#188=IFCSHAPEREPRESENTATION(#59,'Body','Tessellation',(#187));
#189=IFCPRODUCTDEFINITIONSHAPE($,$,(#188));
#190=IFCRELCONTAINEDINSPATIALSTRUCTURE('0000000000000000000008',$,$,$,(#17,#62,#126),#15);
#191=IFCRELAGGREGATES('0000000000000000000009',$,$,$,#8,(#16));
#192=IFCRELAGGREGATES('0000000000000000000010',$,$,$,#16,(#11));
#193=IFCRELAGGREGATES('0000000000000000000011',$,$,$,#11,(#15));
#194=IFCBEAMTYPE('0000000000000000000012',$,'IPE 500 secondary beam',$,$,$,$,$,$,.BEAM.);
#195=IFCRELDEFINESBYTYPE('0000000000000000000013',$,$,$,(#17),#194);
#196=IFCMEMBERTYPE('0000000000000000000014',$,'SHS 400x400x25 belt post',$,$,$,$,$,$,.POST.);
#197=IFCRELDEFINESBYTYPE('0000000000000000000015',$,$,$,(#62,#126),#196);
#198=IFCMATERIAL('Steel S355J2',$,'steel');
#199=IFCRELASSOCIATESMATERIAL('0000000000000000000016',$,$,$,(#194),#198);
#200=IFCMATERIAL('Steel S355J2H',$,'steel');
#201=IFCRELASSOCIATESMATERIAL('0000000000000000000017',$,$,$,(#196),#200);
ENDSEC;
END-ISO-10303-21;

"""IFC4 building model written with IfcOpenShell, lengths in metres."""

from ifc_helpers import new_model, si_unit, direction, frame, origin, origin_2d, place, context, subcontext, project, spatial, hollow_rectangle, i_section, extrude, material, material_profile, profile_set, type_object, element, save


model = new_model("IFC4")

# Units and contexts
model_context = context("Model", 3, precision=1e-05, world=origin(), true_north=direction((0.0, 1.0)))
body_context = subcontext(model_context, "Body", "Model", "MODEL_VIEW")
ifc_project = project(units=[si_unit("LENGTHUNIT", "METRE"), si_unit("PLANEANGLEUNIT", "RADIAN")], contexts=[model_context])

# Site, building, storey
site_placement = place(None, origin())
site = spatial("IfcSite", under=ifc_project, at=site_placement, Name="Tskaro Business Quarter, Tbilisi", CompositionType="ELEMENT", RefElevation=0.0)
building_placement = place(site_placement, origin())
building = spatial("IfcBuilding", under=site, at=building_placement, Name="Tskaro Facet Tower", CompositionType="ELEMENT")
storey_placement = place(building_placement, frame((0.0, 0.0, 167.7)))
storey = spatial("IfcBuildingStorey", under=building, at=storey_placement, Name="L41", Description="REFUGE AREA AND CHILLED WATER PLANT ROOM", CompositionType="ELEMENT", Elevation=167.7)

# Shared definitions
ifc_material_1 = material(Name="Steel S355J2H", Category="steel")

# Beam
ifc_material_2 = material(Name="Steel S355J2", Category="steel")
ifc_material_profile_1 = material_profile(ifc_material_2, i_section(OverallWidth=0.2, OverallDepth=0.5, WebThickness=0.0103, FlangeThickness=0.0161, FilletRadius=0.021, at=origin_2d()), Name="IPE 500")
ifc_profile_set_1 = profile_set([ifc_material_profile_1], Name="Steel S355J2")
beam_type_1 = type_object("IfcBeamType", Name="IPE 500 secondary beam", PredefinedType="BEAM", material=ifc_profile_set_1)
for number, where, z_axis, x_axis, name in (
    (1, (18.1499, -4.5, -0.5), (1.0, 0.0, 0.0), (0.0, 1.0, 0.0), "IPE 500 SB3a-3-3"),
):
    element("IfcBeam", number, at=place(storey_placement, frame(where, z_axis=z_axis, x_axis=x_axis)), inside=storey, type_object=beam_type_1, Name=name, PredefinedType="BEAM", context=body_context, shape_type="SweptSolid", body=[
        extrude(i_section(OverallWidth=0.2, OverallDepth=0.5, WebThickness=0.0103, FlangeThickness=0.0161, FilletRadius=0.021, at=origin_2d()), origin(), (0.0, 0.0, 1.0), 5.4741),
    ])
==
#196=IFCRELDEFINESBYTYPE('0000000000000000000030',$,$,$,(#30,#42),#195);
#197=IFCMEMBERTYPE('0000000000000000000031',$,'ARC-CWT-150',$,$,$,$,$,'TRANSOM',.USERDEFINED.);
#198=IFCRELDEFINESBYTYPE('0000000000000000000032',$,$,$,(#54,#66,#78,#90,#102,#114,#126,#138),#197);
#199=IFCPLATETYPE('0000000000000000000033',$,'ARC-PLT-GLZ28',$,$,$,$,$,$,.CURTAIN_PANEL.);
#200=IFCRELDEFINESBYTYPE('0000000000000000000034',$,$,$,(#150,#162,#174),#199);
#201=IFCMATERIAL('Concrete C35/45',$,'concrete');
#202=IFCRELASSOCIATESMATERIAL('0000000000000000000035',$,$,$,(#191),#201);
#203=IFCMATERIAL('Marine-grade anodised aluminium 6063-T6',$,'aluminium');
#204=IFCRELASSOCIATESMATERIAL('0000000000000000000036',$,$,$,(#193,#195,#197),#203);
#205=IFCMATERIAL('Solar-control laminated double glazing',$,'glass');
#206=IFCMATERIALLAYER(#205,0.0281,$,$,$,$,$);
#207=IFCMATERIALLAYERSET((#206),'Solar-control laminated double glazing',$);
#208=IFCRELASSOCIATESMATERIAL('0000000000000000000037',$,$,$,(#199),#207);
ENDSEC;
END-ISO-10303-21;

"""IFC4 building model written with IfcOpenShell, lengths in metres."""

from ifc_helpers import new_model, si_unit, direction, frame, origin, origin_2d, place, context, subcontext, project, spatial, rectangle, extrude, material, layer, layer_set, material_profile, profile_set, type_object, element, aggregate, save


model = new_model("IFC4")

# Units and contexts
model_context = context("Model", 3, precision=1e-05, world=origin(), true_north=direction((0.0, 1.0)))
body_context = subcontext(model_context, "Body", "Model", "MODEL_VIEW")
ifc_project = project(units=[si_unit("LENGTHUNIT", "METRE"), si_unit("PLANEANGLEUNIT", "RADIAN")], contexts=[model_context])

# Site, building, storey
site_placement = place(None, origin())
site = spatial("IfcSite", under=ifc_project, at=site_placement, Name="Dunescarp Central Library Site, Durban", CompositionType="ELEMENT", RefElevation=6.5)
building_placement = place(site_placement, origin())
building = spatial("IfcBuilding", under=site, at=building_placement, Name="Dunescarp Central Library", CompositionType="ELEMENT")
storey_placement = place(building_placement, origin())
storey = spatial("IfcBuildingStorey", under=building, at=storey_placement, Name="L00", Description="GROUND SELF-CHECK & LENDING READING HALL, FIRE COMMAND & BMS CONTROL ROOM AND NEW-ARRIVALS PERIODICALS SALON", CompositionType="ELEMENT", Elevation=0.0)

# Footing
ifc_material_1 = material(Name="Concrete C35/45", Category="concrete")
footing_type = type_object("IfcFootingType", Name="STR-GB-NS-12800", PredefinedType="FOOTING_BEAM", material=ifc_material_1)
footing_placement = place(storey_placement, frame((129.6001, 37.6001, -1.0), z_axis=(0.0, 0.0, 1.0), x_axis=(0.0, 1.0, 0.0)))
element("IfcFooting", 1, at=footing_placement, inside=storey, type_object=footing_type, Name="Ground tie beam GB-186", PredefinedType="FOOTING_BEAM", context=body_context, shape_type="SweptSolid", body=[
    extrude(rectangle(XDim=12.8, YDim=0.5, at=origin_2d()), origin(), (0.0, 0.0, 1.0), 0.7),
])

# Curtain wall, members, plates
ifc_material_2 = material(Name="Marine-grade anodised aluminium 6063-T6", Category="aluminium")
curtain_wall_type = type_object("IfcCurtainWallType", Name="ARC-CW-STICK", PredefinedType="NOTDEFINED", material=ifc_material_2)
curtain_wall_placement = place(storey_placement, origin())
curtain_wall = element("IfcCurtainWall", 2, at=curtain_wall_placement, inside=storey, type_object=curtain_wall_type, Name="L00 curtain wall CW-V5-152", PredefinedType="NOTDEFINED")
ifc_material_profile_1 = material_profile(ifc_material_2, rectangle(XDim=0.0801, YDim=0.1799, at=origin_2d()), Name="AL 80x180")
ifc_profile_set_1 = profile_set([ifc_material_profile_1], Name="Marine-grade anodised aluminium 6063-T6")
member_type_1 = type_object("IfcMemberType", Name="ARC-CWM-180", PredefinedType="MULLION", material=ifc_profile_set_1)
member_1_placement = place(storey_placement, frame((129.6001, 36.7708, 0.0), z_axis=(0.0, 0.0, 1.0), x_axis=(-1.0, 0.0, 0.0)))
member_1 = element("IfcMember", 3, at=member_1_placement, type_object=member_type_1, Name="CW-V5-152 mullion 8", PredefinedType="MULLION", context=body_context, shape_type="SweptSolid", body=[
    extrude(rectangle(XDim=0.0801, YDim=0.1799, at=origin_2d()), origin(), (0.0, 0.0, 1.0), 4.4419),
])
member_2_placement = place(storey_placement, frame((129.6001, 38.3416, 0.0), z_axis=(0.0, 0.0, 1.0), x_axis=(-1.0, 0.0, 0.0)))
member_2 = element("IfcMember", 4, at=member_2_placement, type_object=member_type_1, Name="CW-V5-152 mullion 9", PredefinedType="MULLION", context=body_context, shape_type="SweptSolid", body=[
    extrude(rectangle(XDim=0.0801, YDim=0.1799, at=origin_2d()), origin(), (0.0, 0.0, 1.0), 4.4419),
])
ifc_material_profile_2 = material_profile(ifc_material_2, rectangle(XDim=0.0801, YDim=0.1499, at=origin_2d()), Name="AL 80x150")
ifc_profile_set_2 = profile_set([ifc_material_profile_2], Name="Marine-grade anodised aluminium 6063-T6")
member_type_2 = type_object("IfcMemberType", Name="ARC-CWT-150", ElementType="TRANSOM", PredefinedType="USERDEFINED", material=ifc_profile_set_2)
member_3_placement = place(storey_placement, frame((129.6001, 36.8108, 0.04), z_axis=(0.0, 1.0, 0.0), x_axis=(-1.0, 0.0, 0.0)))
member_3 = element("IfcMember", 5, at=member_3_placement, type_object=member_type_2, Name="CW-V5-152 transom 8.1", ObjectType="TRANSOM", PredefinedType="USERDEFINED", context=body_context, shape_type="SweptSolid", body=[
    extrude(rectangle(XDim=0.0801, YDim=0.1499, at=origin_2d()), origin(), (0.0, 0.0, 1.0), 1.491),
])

_Try it_
Starting at the line that has "#188=IFCSHAPEREPRESENTATION(#59,'Body','Tessellation',(#187));" in the records above, restate word for word every line until the one that has "frame((0.0, 0.0, 167.7)))", and include that one as well.

_Result for this exercise_
#188=IFCSHAPEREPRESENTATION(#59,'Body','Tessellation',(#187));
#189=IFCPRODUCTDEFINITIONSHAPE($,$,(#188));
#190=IFCRELCONTAINEDINSPATIALSTRUCTURE('0000000000000000000008',$,$,$,(#17,#62,#126),#15);
#191=IFCRELAGGREGATES('0000000000000000000009',$,$,$,#8,(#16));
#192=IFCRELAGGREGATES('0000000000000000000010',$,$,$,#16,(#11));
#193=IFCRELAGGREGATES('0000000000000000000011',$,$,$,#11,(#15));
#194=IFCBEAMTYPE('0000000000000000000012',$,'IPE 500 secondary beam',$,$,$,$,$,$,.BEAM.);
#195=IFCRELDEFINESBYTYPE('0000000000000000000013',$,$,$,(#17),#194);
#196=IFCMEMBERTYPE('0000000000000000000014',$,'SHS 400x400x25 belt post',$,$,$,$,$,$,.POST.);
#197=IFCRELDEFINESBYTYPE('0000000000000000000015',$,$,$,(#62,#126),#196);
#198=IFCMATERIAL('Steel S355J2',$,'steel');
#199=IFCRELASSOCIATESMATERIAL('0000000000000000000016',$,$,$,(#194),#198);
#200=IFCMATERIAL('Steel S355J2H',$,'steel');
#201=IFCRELASSOCIATESMATERIAL('0000000000000000000017',$,$,$,(#196),#200);
ENDSEC;
END-ISO-10303-21;

"""IFC4 building model written with IfcOpenShell, lengths in metres."""

from ifc_helpers import new_model, si_unit, direction, frame, origin, origin_2d, place, context, subcontext, project, spatial, hollow_rectangle, i_section, extrude, material, material_profile, profile_set, type_object, element, save


model = new_model("IFC4")

# Units and contexts
model_context = context("Model", 3, precision=1e-05, world=origin(), true_north=direction((0.0, 1.0)))
body_context = subcontext(model_context, "Body", "Model", "MODEL_VIEW")
ifc_project = project(units=[si_unit("LENGTHUNIT", "METRE"), si_unit("PLANEANGLEUNIT", "RADIAN")], contexts=[model_context])

# Site, building, storey
site_placement = place(None, origin())
site = spatial("IfcSite", under=ifc_project, at=site_placement, Name="Tskaro Business Quarter, Tbilisi", CompositionType="ELEMENT", RefElevation=0.0)
building_placement = place(site_placement, origin())
building = spatial("IfcBuilding", under=site, at=building_placement, Name="Tskaro Facet Tower", CompositionType="ELEMENT")
storey_placement = place(building_placement, frame((0.0, 0.0, 167.7)))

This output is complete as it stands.